▶ **Extracted entries**:
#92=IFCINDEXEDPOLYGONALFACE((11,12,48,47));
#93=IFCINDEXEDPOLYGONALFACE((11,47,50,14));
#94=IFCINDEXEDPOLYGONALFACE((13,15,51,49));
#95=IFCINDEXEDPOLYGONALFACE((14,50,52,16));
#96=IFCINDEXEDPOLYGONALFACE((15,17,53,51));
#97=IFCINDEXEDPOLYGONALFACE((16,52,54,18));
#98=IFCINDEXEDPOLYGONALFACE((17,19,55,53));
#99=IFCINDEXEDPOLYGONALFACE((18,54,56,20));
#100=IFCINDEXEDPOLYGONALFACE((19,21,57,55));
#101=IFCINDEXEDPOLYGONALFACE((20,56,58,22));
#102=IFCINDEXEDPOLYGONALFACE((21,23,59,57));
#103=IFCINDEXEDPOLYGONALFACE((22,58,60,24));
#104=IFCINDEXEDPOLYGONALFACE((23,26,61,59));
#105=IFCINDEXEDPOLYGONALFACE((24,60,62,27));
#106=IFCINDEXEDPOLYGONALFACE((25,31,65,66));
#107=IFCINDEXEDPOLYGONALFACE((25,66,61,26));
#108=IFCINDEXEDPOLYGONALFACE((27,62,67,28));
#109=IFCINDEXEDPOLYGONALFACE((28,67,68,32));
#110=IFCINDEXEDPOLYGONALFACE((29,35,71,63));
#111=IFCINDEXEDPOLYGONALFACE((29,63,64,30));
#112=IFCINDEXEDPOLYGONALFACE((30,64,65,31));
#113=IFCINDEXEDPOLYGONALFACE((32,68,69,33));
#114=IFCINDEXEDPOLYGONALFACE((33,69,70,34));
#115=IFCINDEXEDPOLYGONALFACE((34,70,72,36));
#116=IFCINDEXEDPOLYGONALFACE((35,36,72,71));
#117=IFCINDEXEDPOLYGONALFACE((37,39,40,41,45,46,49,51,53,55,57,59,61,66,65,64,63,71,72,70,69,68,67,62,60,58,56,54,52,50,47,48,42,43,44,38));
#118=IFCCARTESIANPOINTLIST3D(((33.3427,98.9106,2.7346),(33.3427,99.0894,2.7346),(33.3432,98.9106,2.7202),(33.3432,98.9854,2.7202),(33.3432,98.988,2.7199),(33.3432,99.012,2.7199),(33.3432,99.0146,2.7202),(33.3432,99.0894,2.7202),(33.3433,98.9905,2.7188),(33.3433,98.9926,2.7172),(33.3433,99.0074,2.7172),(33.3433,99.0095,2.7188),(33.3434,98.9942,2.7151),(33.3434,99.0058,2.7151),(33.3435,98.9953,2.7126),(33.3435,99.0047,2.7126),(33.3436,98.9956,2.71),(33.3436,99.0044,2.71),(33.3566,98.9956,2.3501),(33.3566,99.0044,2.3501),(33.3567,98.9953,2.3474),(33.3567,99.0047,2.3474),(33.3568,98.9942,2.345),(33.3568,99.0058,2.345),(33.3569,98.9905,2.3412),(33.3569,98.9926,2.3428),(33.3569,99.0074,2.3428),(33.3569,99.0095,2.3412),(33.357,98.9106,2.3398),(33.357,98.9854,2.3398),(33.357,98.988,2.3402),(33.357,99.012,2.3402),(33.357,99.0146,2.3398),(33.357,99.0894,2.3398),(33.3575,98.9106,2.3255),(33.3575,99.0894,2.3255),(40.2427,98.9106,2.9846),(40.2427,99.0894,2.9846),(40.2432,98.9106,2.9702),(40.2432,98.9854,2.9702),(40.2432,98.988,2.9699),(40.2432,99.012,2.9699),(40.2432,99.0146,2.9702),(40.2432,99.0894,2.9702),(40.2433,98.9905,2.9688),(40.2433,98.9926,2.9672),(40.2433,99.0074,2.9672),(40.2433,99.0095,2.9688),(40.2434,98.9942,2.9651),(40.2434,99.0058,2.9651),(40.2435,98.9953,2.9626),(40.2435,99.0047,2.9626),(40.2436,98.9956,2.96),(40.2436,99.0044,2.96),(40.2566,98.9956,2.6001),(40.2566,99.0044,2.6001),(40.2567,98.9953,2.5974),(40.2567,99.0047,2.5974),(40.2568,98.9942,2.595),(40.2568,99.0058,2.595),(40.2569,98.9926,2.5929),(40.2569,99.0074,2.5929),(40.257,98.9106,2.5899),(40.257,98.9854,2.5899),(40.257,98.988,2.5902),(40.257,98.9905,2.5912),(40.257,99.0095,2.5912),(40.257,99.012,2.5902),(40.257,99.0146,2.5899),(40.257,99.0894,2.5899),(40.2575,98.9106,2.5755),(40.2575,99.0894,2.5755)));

▶ **What needs to be done**:
In your answer, include only the lines above starting at the line that holds "#99=IFCINDEXEDPOLYGONALFACE((18,54,56,20));" and ending at the line that holds "#106=IFCINDEXEDPOLYGONALFACE((25,31,65,66));", copied exactly.

▶ **The completed task**:
#99=IFCINDEXEDPOLYGONALFACE((18,54,56,20));
#100=IFCINDEXEDPOLYGONALFACE((19,21,57,55));
#101=IFCINDEXEDPOLYGONALFACE((20,56,58,22));
#102=IFCINDEXEDPOLYGONALFACE((21,23,59,57));
#103=IFCINDEXEDPOLYGONALFACE((22,58,60,24));
#104=IFCINDEXEDPOLYGONALFACE((23,26,61,59));
#105=IFCINDEXEDPOLYGONALFACE((24,60,62,27));
#106=IFCINDEXEDPOLYGONALFACE((25,31,65,66));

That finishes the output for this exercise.